> What you need to do: Work through the records below, line by line, and say how many lines include "Trikona", with nothing else.

——————————

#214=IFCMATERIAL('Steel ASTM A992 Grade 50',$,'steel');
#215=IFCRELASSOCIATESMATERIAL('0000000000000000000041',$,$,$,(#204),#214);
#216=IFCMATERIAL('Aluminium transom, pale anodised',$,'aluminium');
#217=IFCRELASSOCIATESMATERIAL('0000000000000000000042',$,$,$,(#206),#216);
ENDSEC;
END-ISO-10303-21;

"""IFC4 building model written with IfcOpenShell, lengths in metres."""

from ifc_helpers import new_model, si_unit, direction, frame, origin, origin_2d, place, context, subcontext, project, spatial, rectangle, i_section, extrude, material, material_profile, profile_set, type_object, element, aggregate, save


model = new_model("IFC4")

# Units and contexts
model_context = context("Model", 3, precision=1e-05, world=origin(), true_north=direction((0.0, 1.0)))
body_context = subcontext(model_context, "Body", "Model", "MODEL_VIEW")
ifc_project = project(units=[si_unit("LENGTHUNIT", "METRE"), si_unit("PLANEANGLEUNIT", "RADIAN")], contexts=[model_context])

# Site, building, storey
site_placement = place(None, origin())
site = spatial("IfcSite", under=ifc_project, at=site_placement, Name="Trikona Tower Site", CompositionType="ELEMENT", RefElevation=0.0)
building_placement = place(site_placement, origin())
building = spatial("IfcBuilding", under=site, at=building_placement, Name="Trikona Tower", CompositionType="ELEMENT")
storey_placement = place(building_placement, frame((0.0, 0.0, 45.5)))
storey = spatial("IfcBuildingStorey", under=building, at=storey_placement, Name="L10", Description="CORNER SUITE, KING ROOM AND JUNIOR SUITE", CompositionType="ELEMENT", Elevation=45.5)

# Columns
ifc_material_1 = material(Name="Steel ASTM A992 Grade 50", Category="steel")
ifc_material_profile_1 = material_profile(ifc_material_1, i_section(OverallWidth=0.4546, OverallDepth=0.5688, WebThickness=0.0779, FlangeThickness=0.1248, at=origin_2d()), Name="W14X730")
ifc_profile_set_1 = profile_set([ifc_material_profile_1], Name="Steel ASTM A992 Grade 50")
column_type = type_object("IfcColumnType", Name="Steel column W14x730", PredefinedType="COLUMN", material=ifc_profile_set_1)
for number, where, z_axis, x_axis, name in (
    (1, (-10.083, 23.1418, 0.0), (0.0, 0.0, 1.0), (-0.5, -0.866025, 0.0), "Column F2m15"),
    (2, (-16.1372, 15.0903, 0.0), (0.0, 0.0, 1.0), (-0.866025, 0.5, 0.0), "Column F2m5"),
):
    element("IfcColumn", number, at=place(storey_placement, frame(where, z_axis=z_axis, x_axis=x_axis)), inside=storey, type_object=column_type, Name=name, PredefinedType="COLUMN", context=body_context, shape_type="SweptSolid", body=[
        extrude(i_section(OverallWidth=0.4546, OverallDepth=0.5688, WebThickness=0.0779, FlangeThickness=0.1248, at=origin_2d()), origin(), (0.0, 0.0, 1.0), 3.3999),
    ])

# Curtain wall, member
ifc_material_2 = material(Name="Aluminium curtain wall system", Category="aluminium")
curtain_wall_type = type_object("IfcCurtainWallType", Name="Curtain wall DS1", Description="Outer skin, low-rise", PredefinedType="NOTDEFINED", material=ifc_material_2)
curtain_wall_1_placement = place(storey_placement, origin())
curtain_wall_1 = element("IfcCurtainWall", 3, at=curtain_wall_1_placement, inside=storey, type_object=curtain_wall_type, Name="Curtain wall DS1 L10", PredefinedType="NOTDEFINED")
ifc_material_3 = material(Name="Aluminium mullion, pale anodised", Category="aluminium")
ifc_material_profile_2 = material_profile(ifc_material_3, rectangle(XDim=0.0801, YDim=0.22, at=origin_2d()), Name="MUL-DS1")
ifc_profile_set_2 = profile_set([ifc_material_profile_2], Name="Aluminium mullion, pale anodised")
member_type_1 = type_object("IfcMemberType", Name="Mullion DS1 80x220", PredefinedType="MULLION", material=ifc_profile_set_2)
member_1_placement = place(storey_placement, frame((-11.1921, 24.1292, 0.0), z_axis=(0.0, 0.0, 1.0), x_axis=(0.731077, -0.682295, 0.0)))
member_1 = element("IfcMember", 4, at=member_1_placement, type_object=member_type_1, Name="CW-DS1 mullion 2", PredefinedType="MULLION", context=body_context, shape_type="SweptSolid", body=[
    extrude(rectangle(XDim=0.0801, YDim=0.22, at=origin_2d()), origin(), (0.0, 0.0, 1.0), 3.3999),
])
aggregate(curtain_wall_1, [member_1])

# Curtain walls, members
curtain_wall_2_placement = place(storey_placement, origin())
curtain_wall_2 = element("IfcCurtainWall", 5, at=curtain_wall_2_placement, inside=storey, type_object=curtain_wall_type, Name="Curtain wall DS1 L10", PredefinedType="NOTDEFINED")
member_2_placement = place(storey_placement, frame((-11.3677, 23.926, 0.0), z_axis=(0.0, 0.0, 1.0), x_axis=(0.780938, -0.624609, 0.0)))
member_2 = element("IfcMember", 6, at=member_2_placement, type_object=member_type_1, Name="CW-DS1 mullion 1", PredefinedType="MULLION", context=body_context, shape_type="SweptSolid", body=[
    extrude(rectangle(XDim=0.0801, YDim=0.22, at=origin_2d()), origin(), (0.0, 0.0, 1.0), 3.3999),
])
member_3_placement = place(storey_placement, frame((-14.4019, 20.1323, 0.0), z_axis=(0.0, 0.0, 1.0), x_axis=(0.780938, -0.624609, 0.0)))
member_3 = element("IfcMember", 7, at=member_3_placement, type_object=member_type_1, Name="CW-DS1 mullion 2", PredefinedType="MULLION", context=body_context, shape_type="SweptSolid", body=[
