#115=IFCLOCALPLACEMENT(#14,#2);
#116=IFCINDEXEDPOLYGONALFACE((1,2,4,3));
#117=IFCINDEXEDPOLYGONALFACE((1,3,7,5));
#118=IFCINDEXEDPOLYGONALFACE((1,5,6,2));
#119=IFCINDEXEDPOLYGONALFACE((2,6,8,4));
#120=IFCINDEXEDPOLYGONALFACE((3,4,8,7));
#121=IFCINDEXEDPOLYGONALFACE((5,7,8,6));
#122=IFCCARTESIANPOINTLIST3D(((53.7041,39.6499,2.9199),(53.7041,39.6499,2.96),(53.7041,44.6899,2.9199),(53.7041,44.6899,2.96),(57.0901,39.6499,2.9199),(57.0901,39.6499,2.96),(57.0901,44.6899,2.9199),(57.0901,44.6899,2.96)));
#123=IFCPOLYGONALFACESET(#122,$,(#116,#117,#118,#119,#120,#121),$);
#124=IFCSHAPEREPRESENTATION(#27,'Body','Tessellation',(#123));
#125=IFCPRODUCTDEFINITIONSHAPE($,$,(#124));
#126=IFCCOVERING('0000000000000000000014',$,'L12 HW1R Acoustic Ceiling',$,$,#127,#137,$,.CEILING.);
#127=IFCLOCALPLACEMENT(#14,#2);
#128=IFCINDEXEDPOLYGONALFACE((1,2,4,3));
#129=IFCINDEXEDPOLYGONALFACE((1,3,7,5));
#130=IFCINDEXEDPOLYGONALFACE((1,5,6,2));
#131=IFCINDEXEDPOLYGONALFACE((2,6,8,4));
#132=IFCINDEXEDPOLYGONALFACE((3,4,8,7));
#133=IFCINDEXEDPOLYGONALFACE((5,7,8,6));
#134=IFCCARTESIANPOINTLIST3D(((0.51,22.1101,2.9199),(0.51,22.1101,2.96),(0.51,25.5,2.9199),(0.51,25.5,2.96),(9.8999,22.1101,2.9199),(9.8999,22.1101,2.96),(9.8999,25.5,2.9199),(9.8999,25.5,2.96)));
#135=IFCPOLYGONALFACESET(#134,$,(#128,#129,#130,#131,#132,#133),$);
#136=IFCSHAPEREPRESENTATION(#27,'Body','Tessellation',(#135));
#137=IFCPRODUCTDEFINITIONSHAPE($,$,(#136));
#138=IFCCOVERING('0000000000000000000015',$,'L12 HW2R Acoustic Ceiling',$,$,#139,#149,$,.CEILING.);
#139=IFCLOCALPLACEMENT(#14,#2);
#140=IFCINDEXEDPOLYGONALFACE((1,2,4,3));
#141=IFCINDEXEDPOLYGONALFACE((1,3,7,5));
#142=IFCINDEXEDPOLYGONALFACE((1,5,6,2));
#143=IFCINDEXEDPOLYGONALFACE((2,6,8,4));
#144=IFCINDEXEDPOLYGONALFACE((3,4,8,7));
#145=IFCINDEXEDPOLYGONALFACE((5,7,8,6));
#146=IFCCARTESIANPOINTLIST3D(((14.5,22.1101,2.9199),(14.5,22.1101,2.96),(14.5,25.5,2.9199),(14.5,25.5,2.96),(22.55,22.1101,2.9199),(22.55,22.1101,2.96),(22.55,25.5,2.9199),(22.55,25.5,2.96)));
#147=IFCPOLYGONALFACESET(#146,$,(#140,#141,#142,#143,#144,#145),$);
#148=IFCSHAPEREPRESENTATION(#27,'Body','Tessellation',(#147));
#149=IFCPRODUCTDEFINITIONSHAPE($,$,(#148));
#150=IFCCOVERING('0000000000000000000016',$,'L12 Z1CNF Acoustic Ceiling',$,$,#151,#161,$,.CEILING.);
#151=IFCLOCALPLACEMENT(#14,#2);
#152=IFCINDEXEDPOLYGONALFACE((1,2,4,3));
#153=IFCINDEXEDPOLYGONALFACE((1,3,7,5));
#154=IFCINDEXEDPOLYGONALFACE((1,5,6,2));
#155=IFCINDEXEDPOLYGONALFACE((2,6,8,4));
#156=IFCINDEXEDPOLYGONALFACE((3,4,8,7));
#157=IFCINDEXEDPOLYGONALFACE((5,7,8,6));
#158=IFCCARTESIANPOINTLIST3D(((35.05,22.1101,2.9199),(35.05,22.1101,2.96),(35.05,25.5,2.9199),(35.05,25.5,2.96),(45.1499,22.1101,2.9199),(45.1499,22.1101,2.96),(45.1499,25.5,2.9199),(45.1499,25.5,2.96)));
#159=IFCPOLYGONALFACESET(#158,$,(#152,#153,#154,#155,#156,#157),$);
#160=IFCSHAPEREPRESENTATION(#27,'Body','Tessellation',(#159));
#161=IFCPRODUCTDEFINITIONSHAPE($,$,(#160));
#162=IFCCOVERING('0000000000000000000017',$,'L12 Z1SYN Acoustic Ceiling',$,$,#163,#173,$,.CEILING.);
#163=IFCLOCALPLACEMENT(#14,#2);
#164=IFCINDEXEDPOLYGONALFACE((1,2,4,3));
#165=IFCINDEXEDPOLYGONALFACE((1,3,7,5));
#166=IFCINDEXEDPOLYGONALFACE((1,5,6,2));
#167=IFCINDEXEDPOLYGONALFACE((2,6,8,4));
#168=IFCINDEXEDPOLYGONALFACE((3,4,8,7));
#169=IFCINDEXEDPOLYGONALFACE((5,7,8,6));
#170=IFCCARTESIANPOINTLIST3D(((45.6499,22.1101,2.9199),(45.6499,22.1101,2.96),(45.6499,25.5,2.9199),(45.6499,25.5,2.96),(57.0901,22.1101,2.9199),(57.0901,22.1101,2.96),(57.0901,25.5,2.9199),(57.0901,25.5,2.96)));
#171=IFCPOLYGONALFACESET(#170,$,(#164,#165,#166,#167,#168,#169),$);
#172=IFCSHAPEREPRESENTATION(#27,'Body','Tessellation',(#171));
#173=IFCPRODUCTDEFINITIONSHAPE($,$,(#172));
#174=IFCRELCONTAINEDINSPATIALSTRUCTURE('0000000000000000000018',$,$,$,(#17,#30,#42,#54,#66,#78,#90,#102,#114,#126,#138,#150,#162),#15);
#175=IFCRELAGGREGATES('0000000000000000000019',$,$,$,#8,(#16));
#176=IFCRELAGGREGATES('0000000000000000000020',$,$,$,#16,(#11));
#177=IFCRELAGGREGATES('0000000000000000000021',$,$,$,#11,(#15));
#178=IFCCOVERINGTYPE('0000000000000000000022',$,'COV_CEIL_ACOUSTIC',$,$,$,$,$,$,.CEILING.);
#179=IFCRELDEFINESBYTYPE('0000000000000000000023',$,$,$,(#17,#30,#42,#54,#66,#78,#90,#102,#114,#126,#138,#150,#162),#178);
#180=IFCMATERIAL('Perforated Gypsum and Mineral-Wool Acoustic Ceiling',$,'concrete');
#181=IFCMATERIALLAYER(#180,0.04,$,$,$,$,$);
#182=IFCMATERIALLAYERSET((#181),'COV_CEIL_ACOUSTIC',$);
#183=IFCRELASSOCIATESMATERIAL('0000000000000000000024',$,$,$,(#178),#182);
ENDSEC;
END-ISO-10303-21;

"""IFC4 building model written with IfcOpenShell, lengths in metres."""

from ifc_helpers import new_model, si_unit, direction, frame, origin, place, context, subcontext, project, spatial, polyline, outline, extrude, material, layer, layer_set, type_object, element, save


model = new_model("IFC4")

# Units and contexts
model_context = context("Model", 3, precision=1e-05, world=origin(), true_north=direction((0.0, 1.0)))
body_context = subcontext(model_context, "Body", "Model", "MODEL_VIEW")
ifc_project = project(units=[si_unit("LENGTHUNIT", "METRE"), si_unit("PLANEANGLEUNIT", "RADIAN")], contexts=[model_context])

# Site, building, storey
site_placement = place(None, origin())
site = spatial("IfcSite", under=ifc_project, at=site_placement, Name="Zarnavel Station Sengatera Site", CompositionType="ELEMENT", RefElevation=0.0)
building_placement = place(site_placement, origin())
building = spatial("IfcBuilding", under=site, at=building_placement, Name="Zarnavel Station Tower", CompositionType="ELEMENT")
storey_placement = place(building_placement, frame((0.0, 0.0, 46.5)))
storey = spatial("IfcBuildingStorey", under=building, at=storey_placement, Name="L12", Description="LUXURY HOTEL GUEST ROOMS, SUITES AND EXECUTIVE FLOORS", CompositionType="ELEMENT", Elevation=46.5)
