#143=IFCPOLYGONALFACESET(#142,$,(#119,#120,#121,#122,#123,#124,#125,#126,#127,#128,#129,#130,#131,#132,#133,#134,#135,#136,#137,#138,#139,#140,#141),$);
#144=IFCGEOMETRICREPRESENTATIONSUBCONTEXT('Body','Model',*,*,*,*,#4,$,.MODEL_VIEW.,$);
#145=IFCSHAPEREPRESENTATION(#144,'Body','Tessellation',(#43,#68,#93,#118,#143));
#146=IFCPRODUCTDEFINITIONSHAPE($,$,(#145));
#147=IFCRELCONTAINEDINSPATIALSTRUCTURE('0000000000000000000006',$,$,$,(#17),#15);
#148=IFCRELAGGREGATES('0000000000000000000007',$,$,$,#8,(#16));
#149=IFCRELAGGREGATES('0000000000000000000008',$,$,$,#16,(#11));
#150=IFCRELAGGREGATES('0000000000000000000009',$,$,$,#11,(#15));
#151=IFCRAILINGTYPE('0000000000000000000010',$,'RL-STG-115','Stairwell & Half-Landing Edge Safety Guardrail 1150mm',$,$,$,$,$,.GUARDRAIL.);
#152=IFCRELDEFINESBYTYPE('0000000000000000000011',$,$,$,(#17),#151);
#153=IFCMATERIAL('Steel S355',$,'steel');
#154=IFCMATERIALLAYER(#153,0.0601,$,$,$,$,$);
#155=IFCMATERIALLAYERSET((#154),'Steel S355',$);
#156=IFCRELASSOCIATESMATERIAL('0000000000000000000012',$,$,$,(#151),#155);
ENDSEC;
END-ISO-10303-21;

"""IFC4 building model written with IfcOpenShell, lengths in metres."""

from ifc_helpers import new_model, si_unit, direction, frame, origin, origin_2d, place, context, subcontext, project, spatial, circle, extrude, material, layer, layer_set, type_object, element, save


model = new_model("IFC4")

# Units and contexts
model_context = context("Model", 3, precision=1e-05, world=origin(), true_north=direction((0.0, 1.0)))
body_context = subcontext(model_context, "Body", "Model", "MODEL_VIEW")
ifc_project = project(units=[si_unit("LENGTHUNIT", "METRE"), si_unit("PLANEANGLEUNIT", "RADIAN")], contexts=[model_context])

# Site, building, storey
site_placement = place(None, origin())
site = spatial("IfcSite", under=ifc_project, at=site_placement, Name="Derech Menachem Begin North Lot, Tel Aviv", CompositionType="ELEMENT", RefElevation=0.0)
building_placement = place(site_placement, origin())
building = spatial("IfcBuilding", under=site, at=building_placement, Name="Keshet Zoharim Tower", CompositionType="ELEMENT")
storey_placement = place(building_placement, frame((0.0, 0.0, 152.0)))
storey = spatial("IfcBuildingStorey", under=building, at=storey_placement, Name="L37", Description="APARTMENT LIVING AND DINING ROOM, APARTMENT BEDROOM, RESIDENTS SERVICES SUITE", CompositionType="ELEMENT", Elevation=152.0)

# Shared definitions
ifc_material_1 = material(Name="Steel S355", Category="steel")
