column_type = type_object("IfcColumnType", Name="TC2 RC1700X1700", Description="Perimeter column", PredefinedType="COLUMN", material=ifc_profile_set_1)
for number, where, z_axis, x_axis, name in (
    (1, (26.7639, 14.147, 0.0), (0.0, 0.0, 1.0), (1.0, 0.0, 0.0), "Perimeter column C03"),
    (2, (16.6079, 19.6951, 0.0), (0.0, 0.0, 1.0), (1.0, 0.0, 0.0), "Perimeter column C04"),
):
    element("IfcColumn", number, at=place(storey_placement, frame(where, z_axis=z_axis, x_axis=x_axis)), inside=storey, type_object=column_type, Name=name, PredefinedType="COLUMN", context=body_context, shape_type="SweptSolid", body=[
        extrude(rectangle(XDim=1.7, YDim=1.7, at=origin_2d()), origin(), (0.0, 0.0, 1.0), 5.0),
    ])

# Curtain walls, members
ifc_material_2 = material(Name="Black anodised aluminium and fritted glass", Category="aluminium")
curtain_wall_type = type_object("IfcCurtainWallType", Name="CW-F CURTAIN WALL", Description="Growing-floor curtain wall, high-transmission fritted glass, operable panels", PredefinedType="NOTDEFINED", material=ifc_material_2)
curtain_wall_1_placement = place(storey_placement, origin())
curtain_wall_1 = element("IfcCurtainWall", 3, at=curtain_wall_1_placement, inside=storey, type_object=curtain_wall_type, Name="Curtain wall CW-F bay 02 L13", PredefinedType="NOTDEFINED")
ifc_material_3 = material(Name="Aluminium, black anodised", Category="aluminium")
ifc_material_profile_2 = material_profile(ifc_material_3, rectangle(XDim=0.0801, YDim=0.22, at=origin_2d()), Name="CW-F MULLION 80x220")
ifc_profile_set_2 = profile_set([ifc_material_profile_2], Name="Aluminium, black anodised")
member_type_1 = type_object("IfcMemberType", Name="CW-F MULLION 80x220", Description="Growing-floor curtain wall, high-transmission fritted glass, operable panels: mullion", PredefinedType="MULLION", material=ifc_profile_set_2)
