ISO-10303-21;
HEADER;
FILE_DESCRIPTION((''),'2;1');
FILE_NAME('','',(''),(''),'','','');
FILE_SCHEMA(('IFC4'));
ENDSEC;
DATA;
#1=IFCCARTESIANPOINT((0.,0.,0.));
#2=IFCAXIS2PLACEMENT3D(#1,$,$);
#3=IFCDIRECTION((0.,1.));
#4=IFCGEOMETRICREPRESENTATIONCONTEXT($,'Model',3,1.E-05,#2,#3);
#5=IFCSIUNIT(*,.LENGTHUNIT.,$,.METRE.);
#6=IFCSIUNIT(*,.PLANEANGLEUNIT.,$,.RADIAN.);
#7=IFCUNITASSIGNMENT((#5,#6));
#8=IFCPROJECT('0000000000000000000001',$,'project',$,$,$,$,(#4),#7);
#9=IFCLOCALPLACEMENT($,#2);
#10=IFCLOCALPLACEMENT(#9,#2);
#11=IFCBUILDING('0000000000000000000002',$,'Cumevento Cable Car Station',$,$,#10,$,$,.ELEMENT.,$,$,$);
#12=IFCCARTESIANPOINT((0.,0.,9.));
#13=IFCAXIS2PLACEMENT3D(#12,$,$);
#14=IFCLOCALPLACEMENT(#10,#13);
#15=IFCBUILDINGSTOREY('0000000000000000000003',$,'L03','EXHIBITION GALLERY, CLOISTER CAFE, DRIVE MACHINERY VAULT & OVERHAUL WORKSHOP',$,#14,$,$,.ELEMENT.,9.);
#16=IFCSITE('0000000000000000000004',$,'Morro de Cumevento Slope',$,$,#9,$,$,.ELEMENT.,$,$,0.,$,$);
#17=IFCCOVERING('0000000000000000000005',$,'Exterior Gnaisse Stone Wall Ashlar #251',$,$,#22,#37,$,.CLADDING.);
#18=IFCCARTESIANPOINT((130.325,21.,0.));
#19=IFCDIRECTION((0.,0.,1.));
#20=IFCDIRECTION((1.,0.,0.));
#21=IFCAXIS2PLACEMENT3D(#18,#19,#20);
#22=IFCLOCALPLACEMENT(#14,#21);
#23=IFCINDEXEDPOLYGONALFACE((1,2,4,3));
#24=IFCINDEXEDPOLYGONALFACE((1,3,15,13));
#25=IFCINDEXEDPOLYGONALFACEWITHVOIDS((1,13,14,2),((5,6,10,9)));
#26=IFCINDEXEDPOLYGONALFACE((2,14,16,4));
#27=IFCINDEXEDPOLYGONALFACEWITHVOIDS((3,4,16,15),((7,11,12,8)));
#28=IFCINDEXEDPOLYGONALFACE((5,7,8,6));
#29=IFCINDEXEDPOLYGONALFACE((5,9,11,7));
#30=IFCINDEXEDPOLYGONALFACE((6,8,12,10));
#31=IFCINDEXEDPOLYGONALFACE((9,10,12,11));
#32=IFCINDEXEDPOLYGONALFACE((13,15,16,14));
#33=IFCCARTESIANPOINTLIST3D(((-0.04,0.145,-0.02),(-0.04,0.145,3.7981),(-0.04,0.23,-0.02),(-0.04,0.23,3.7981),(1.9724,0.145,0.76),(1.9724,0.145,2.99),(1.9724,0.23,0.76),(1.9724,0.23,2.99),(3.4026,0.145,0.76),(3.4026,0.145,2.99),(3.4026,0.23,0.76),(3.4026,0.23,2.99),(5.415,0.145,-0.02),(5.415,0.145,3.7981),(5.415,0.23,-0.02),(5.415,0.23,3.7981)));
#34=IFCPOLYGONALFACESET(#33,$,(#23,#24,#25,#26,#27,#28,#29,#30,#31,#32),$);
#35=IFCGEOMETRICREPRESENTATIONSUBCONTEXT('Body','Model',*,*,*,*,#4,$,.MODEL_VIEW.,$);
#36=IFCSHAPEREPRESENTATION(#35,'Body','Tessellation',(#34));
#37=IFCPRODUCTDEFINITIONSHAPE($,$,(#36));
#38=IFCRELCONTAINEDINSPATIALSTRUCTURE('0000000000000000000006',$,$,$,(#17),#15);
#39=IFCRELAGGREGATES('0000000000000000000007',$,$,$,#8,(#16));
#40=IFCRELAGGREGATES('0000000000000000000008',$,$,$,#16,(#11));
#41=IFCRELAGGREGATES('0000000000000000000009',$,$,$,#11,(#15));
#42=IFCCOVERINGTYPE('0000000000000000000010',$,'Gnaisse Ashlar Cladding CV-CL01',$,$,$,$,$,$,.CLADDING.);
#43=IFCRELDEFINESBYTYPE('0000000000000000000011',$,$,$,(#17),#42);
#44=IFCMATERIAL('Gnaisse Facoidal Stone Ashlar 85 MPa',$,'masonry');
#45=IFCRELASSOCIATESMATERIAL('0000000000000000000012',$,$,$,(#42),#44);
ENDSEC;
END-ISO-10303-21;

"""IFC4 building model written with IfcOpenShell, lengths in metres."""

from ifc_helpers import new_model, si_unit, direction, frame, origin, place, context, subcontext, project, spatial, polyline, outline, extrude, material, type_object, element, save


model = new_model("IFC4")

# Units and contexts
model_context = context("Model", 3, precision=1e-05, world=origin(), true_north=direction((0.0, 1.0)))
body_context = subcontext(model_context, "Body", "Model", "MODEL_VIEW")
ifc_project = project(units=[si_unit("LENGTHUNIT", "METRE"), si_unit("PLANEANGLEUNIT", "RADIAN")], contexts=[model_context])

# Site, building, storey
site_placement = place(None, origin())
site = spatial("IfcSite", under=ifc_project, at=site_placement, Name="Morro de Cumevento Slope", CompositionType="ELEMENT", RefElevation=0.0)
building_placement = place(site_placement, origin())
building = spatial("IfcBuilding", under=site, at=building_placement, Name="Cumevento Cable Car Station", CompositionType="ELEMENT")
storey_placement = place(building_placement, frame((0.0, 0.0, 9.0)))
storey = spatial("IfcBuildingStorey", under=building, at=storey_placement, Name="L03", Description="EXHIBITION GALLERY, CLOISTER CAFE, DRIVE MACHINERY VAULT & OVERHAUL WORKSHOP", CompositionType="ELEMENT", Elevation=9.0)

# Covering
ifc_material_1 = material(Name="Gnaisse Facoidal Stone Ashlar 85 MPa", Category="masonry")
covering_type = type_object("IfcCoveringType", Name="Gnaisse Ashlar Cladding CV-CL01", PredefinedType="CLADDING", material=ifc_material_1)
covering_1_placement = place(storey_placement, frame((130.325, 21.0, 0.0), z_axis=(0.0, 0.0, 1.0), x_axis=(1.0, 0.0, 0.0)))
element("IfcCovering", 1, at=covering_1_placement, inside=storey, type_object=covering_type, Name="Exterior Gnaisse Stone Wall Ashlar #251", PredefinedType="CLADDING", context=body_context, shape_type="SweptSolid", body=[
    extrude(outline(polyline([(-0.04, -0.02), (5.415, -0.02), (5.415, 3.7981), (-0.04, 3.7981), (-0.04, -0.02)]), holes=[polyline([(1.9724, 0.76), (3.4026, 0.76), (3.4026, 2.99), (1.9724, 2.99), (1.9724, 0.76)])]), frame((0.0, 0.23, 0.0), z_axis=(0.0, -1.0, 0.0), x_axis=(1.0, 0.0, 0.0)), (0.0, 0.0, 1.0), 0.085),
])

save(model, "model.ifc")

——————————

> Solved problem: 2